→ **EXERCISE REQUIREMENTS**
Set the following entries down again exactly, line by line.

→ **AVAILABLE RECORDS**
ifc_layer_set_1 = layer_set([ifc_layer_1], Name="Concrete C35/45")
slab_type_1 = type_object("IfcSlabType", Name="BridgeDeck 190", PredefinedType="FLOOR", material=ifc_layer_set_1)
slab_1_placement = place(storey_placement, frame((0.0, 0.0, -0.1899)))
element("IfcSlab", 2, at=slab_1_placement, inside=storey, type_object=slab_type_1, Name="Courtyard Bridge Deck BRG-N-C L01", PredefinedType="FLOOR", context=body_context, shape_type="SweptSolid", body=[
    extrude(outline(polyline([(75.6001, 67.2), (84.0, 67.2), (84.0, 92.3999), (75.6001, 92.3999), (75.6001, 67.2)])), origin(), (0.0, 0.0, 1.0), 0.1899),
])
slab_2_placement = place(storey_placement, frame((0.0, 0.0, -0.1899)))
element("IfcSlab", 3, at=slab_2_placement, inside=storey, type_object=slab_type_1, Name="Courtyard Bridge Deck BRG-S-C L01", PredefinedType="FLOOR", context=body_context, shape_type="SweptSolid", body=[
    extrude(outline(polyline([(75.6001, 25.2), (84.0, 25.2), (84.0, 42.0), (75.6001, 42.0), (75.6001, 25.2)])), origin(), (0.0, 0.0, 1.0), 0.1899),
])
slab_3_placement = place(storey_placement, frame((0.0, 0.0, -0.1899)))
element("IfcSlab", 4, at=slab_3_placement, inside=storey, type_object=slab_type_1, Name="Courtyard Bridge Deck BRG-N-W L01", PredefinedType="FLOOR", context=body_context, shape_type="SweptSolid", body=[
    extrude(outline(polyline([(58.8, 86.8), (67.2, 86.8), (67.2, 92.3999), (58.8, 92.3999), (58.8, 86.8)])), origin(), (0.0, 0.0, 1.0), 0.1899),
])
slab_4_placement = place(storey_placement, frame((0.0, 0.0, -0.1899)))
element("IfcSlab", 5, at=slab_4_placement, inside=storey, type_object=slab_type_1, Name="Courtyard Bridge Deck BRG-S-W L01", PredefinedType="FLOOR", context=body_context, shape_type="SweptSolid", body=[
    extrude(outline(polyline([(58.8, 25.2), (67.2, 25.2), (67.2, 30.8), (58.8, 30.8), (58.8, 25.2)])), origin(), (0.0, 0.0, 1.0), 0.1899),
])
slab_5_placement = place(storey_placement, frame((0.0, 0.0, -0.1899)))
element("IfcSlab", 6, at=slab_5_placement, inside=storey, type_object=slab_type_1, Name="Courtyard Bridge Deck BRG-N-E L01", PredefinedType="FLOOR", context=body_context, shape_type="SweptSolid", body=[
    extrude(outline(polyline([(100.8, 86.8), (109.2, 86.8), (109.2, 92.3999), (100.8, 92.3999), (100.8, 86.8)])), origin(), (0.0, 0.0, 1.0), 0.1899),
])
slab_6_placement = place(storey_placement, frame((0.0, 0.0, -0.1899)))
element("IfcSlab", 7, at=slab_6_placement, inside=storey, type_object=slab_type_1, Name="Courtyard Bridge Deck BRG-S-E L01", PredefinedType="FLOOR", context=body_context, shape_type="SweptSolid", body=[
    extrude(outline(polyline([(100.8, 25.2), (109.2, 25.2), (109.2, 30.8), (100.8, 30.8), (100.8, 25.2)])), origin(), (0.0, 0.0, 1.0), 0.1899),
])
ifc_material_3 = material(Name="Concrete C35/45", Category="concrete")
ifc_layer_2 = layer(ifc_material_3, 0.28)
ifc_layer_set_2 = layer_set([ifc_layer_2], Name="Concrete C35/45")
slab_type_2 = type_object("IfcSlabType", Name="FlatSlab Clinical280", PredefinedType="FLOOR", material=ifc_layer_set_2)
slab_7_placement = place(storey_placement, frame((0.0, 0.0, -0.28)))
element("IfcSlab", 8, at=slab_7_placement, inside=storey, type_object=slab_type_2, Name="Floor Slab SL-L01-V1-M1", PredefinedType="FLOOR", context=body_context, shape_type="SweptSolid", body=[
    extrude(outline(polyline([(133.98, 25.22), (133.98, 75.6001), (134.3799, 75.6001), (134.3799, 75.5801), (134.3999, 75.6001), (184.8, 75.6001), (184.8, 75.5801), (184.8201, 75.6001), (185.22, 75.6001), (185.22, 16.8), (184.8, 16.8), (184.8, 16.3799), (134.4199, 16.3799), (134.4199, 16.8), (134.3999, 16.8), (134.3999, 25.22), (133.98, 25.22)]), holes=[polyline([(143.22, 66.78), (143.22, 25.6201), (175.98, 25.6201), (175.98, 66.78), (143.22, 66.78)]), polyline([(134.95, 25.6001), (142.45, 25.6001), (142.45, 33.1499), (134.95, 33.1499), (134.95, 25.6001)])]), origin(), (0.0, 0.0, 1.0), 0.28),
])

→ **RESPONSE AREA**
ifc_layer_set_1 = layer_set([ifc_layer_1], Name="Concrete C35/45")
slab_type_1 = type_object("IfcSlabType", Name="BridgeDeck 190", PredefinedType="FLOOR", material=ifc_layer_set_1)
slab_1_placement = place(storey_placement, frame((0.0, 0.0, -0.1899)))
element("IfcSlab", 2, at=slab_1_placement, inside=storey, type_object=slab_type_1, Name="Courtyard Bridge Deck BRG-N-C L01", PredefinedType="FLOOR", context=body_context, shape_type="SweptSolid", body=[
    extrude(outline(polyline([(75.6001, 67.2), (84.0, 67.2), (84.0, 92.3999), (75.6001, 92.3999), (75.6001, 67.2)])), origin(), (0.0, 0.0, 1.0), 0.1899),
])
slab_2_placement = place(storey_placement, frame((0.0, 0.0, -0.1899)))
element("IfcSlab", 3, at=slab_2_placement, inside=storey, type_object=slab_type_1, Name="Courtyard Bridge Deck BRG-S-C L01", PredefinedType="FLOOR", context=body_context, shape_type="SweptSolid", body=[
    extrude(outline(polyline([(75.6001, 25.2), (84.0, 25.2), (84.0, 42.0), (75.6001, 42.0), (75.6001, 25.2)])), origin(), (0.0, 0.0, 1.0), 0.1899),
])
slab_3_placement = place(storey_placement, frame((0.0, 0.0, -0.1899)))
element("IfcSlab", 4, at=slab_3_placement, inside=storey, type_object=slab_type_1, Name="Courtyard Bridge Deck BRG-N-W L01", PredefinedType="FLOOR", context=body_context, shape_type="SweptSolid", body=[
    extrude(outline(polyline([(58.8, 86.8), (67.2, 86.8), (67.2, 92.3999), (58.8, 92.3999), (58.8, 86.8)])), origin(), (0.0, 0.0, 1.0), 0.1899),
])
slab_4_placement = place(storey_placement, frame((0.0, 0.0, -0.1899)))
element("IfcSlab", 5, at=slab_4_placement, inside=storey, type_object=slab_type_1, Name="Courtyard Bridge Deck BRG-S-W L01", PredefinedType="FLOOR", context=body_context, shape_type="SweptSolid", body=[
    extrude(outline(polyline([(58.8, 25.2), (67.2, 25.2), (67.2, 30.8), (58.8, 30.8), (58.8, 25.2)])), origin(), (0.0, 0.0, 1.0), 0.1899),
])
slab_5_placement = place(storey_placement, frame((0.0, 0.0, -0.1899)))
element("IfcSlab", 6, at=slab_5_placement, inside=storey, type_object=slab_type_1, Name="Courtyard Bridge Deck BRG-N-E L01", PredefinedType="FLOOR", context=body_context, shape_type="SweptSolid", body=[
    extrude(outline(polyline([(100.8, 86.8), (109.2, 86.8), (109.2, 92.3999), (100.8, 92.3999), (100.8, 86.8)])), origin(), (0.0, 0.0, 1.0), 0.1899),
])
slab_6_placement = place(storey_placement, frame((0.0, 0.0, -0.1899)))
element("IfcSlab", 7, at=slab_6_placement, inside=storey, type_object=slab_type_1, Name="Courtyard Bridge Deck BRG-S-E L01", PredefinedType="FLOOR", context=body_context, shape_type="SweptSolid", body=[
    extrude(outline(polyline([(100.8, 25.2), (109.2, 25.2), (109.2, 30.8), (100.8, 30.8), (100.8, 25.2)])), origin(), (0.0, 0.0, 1.0), 0.1899),
])
ifc_material_3 = material(Name="Concrete C35/45", Category="concrete")
ifc_layer_2 = layer(ifc_material_3, 0.28)
ifc_layer_set_2 = layer_set([ifc_layer_2], Name="Concrete C35/45")
slab_type_2 = type_object("IfcSlabType", Name="FlatSlab Clinical280", PredefinedType="FLOOR", material=ifc_layer_set_2)
slab_7_placement = place(storey_placement, frame((0.0, 0.0, -0.28)))
element("IfcSlab", 8, at=slab_7_placement, inside=storey, type_object=slab_type_2, Name="Floor Slab SL-L01-V1-M1", PredefinedType="FLOOR", context=body_context, shape_type="SweptSolid", body=[
    extrude(outline(polyline([(133.98, 25.22), (133.98, 75.6001), (134.3799, 75.6001), (134.3799, 75.5801), (134.3999, 75.6001), (184.8, 75.6001), (184.8, 75.5801), (184.8201, 75.6001), (185.22, 75.6001), (185.22, 16.8), (184.8, 16.8), (184.8, 16.3799), (134.4199, 16.3799), (134.4199, 16.8), (134.3999, 16.8), (134.3999, 25.22), (133.98, 25.22)]), holes=[polyline([(143.22, 66.78), (143.22, 25.6201), (175.98, 25.6201), (175.98, 66.78), (143.22, 66.78)]), polyline([(134.95, 25.6001), (142.45, 25.6001), (142.45, 33.1499), (134.95, 33.1499), (134.95, 25.6001)])]), origin(), (0.0, 0.0, 1.0), 0.28),
])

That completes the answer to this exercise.